Exercise requirements: Set down, please, exactly the lines below that run from the line with "#50=IFCINDEXEDPOLYGONALFACE((1,5,6,2));" to the line with "#57=IFCPRODUCTDEFINITIONSHAPE($,$,(#56));", both lines included.

Exercise data:

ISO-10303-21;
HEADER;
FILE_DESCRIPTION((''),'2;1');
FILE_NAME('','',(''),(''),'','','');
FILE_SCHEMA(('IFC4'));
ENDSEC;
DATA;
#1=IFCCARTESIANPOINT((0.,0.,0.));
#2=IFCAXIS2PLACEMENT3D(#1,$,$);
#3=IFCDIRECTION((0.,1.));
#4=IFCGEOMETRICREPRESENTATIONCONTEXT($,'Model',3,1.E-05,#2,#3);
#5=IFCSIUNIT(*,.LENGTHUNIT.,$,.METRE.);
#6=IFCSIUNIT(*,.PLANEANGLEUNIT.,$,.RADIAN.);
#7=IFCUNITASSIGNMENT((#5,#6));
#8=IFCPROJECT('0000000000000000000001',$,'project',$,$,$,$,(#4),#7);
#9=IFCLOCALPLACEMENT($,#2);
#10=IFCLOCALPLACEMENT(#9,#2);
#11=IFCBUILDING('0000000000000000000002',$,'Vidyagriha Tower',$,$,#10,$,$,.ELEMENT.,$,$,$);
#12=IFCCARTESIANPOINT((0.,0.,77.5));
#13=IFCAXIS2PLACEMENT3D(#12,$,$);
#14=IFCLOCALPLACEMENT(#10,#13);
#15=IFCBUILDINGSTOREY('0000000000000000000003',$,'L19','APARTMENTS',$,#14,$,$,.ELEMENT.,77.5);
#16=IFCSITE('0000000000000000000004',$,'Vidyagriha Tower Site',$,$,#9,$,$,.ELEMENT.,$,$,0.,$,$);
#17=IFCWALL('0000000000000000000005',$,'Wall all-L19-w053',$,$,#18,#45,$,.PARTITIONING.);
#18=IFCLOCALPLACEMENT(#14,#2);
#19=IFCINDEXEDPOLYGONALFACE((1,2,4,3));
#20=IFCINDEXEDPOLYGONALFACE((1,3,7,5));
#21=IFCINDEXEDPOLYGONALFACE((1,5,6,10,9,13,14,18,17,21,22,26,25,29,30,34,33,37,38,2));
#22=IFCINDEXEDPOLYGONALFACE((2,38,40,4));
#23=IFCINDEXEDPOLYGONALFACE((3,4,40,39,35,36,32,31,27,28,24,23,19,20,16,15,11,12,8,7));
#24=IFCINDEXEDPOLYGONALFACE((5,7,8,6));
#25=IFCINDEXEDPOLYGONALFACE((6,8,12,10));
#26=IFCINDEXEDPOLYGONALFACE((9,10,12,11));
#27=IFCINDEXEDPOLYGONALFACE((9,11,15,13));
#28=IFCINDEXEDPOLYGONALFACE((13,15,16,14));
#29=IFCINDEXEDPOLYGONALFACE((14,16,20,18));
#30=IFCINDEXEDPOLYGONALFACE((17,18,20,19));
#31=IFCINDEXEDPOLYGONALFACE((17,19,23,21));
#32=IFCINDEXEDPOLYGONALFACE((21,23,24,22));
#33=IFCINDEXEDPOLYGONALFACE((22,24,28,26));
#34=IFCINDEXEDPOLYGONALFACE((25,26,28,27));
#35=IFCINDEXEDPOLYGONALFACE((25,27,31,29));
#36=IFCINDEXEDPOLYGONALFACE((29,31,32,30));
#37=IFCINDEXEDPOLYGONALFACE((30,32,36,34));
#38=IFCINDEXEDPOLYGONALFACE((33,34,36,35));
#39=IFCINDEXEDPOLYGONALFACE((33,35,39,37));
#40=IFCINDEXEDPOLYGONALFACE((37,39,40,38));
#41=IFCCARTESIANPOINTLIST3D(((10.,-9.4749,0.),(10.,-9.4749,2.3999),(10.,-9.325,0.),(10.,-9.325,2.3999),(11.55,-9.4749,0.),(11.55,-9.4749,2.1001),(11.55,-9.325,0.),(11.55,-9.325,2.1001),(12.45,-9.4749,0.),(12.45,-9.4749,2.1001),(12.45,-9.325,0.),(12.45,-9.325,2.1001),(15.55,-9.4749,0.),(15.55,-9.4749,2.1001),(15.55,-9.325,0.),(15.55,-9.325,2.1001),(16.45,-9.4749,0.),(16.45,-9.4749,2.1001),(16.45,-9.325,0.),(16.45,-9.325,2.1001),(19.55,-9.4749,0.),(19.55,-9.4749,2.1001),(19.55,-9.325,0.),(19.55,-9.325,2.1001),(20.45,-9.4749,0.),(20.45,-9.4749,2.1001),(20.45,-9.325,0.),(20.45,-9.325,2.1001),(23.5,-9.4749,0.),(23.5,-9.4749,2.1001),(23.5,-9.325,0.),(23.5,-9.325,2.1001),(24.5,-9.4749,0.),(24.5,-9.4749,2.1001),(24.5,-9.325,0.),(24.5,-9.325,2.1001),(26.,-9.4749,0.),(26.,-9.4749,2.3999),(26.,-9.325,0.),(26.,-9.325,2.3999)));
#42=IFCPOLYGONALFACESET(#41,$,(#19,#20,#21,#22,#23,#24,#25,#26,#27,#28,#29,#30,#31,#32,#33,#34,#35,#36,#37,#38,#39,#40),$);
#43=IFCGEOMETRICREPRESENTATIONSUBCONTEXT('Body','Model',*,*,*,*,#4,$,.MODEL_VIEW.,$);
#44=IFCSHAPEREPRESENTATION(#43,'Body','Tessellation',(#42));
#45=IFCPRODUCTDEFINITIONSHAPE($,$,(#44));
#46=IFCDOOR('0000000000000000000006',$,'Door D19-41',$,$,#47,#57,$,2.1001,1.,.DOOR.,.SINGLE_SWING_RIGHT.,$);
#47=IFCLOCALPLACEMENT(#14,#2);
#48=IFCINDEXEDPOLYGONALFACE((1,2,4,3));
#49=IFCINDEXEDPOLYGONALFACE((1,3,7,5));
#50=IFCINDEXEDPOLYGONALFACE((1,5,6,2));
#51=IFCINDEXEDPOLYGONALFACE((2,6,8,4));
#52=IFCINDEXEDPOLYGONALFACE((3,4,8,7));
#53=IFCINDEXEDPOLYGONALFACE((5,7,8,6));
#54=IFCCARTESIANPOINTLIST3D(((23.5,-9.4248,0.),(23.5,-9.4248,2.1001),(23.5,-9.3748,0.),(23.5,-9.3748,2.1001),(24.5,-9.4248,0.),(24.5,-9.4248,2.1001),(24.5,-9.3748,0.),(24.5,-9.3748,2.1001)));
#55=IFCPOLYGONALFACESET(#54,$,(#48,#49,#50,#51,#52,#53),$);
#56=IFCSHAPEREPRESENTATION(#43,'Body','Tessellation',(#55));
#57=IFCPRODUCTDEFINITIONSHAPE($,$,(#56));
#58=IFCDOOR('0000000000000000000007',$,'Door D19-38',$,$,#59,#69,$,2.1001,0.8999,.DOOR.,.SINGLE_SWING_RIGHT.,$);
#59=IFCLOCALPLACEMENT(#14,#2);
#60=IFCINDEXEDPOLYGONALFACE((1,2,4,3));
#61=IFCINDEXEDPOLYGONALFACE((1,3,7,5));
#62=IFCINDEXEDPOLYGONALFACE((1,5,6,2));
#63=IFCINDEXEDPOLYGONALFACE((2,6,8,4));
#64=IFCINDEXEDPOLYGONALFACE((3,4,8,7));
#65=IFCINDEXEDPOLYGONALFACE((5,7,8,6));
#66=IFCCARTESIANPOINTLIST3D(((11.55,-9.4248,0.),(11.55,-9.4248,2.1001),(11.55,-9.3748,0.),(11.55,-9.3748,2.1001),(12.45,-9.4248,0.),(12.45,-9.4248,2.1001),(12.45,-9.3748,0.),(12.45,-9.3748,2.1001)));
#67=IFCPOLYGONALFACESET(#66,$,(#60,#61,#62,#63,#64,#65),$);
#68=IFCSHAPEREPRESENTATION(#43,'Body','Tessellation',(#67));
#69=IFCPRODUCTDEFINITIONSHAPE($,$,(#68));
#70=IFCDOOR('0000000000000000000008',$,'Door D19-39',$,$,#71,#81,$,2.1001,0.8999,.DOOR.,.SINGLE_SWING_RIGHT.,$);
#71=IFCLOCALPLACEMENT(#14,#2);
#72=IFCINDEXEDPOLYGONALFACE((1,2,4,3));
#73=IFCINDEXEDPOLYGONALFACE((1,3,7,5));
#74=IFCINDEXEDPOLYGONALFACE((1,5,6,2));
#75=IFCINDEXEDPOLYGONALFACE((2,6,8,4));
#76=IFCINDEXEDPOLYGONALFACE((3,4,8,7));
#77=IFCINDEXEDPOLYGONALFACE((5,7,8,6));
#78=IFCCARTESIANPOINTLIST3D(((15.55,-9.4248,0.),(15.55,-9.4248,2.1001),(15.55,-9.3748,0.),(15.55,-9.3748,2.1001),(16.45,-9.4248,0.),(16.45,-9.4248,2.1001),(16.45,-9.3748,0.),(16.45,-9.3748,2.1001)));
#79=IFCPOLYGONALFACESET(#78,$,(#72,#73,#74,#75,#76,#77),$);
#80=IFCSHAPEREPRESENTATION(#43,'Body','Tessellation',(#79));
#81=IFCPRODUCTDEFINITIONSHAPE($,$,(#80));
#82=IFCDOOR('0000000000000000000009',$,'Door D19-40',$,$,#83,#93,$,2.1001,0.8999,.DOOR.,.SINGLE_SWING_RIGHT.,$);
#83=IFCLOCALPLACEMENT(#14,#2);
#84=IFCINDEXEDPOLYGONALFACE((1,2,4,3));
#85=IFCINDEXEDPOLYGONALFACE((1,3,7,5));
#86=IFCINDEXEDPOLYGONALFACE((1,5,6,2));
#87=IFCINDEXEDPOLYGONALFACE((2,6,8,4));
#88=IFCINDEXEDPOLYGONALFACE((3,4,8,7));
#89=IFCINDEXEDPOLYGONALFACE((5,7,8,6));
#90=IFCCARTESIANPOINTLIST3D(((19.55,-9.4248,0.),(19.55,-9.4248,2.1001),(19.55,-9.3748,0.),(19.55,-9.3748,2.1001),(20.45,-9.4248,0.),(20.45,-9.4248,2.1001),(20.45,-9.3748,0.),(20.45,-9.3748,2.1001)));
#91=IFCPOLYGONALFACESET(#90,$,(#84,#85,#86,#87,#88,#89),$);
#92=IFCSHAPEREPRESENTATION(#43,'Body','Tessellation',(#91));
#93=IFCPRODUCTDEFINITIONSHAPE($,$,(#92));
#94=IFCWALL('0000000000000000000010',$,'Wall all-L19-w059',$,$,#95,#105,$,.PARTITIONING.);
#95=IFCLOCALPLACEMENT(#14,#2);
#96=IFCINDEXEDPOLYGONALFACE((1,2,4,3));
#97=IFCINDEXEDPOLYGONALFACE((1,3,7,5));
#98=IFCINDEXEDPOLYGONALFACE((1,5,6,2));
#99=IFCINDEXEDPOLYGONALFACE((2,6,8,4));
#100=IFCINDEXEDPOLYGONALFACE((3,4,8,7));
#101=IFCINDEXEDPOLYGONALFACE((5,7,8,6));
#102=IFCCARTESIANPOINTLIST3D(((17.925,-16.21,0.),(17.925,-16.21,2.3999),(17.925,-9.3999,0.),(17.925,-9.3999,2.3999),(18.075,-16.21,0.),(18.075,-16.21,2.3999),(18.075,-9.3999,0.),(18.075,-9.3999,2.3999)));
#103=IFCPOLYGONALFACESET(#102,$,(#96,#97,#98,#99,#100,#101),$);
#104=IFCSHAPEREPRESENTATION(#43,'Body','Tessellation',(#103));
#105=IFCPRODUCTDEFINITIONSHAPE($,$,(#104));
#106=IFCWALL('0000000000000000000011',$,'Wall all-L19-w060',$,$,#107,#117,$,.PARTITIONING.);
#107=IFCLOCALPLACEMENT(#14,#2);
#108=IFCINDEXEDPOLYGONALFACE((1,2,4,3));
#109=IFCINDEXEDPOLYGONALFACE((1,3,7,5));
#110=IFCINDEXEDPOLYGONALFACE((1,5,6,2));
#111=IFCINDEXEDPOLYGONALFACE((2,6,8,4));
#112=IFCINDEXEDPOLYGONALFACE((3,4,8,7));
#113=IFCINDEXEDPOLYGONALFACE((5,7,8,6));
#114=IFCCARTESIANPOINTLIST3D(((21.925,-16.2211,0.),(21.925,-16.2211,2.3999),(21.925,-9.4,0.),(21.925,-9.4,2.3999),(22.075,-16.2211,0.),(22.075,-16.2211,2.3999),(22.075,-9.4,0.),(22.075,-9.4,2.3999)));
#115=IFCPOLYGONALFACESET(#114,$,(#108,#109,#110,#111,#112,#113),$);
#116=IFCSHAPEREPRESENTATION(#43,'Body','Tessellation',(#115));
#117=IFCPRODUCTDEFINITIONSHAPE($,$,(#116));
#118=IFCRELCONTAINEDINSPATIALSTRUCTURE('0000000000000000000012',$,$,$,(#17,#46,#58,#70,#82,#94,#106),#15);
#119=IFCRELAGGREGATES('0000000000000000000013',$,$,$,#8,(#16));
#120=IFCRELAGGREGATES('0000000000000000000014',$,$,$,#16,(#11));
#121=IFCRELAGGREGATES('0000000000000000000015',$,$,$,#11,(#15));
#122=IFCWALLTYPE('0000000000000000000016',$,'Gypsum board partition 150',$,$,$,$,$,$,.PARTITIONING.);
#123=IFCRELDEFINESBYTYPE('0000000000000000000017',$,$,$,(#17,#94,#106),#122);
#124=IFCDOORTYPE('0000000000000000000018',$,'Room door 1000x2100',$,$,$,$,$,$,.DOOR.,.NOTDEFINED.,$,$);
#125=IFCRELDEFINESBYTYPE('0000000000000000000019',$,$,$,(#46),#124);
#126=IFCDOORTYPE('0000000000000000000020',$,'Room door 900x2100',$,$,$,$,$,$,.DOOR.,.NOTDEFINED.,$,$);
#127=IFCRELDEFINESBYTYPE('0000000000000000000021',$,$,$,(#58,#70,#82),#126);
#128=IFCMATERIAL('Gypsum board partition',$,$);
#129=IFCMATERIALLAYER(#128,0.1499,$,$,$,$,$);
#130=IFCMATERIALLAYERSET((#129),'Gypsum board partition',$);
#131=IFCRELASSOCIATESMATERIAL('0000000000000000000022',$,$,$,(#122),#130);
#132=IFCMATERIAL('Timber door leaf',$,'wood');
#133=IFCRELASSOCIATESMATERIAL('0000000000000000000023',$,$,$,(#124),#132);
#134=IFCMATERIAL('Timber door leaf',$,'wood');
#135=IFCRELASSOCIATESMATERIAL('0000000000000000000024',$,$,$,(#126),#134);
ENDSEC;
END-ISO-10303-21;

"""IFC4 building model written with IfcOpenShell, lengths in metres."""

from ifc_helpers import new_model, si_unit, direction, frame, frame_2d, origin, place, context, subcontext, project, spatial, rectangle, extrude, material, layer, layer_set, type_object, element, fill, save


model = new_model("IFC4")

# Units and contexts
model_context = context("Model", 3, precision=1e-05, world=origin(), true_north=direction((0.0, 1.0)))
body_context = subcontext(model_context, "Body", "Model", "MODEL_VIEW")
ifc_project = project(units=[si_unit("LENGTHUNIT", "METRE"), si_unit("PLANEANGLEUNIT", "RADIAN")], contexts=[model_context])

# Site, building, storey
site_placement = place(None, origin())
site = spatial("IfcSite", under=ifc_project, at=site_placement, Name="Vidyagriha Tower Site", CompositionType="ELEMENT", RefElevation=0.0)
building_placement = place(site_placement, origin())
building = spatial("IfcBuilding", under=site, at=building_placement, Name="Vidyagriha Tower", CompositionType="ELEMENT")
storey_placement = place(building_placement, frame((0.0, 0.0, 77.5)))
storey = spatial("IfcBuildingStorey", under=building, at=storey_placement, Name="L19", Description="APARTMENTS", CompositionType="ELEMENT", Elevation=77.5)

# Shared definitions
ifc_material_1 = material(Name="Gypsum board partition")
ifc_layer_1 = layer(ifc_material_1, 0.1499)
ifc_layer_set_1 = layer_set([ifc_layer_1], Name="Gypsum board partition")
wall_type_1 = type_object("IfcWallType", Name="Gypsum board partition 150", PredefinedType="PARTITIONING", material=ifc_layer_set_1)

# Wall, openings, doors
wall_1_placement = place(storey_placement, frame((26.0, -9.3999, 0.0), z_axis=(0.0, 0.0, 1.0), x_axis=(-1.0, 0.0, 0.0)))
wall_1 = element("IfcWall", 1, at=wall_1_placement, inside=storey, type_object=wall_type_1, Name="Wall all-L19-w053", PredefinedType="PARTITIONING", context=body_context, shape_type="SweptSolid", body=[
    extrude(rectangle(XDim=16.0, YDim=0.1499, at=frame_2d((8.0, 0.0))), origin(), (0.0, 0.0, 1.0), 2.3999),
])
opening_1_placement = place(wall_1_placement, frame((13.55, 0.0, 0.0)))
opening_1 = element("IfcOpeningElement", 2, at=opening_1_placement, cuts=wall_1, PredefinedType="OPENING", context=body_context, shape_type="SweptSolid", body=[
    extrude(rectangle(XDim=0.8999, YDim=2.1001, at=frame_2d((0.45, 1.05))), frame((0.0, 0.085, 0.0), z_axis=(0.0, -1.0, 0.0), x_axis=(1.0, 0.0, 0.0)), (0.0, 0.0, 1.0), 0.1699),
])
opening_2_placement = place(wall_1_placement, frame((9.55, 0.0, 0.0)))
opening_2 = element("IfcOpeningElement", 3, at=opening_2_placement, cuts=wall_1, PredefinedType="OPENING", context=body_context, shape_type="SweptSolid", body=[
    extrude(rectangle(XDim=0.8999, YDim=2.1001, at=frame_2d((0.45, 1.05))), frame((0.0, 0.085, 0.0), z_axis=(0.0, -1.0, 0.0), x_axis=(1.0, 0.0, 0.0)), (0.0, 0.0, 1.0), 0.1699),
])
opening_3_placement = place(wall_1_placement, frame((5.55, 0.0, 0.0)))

==

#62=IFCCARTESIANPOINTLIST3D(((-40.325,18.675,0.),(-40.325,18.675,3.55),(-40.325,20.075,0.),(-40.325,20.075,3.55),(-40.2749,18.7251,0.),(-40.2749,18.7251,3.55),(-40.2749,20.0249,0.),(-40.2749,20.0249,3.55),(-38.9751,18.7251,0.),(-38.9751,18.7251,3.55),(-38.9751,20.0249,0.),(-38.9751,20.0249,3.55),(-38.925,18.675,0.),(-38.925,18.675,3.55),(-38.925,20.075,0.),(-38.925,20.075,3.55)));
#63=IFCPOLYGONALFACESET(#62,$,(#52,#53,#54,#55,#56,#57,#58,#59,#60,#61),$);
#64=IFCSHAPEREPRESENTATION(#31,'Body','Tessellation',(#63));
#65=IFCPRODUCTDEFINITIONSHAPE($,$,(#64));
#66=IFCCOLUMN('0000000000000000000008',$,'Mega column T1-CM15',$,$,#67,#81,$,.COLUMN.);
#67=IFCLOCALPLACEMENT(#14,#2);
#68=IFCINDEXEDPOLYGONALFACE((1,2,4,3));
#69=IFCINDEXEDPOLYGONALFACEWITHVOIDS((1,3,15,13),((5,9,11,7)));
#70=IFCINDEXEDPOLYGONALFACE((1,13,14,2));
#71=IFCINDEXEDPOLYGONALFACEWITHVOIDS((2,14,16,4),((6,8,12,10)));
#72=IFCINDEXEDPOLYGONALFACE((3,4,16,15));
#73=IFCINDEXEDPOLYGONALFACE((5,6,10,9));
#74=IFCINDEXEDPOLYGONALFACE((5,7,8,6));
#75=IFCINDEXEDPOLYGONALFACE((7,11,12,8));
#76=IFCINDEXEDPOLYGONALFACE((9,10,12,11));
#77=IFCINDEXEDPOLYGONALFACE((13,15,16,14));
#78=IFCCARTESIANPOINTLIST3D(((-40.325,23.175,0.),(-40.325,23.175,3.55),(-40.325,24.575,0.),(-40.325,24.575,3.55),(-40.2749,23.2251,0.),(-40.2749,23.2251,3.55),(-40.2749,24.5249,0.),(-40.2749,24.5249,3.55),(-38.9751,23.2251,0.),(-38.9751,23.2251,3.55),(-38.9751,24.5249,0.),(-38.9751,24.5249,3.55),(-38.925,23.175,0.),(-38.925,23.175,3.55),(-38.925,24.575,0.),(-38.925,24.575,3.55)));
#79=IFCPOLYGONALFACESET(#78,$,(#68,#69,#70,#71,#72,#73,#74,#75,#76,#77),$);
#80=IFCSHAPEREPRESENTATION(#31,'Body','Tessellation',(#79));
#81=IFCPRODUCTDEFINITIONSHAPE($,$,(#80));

Expected answer:
#50=IFCINDEXEDPOLYGONALFACE((1,5,6,2));
#51=IFCINDEXEDPOLYGONALFACE((2,6,8,4));
#52=IFCINDEXEDPOLYGONALFACE((3,4,8,7));
#53=IFCINDEXEDPOLYGONALFACE((5,7,8,6));
#54=IFCCARTESIANPOINTLIST3D(((23.5,-9.4248,0.),(23.5,-9.4248,2.1001),(23.5,-9.3748,0.),(23.5,-9.3748,2.1001),(24.5,-9.4248,0.),(24.5,-9.4248,2.1001),(24.5,-9.3748,0.),(24.5,-9.3748,2.1001)));
#55=IFCPOLYGONALFACESET(#54,$,(#48,#49,#50,#51,#52,#53),$);
#56=IFCSHAPEREPRESENTATION(#43,'Body','Tessellation',(#55));
#57=IFCPRODUCTDEFINITIONSHAPE($,$,(#56));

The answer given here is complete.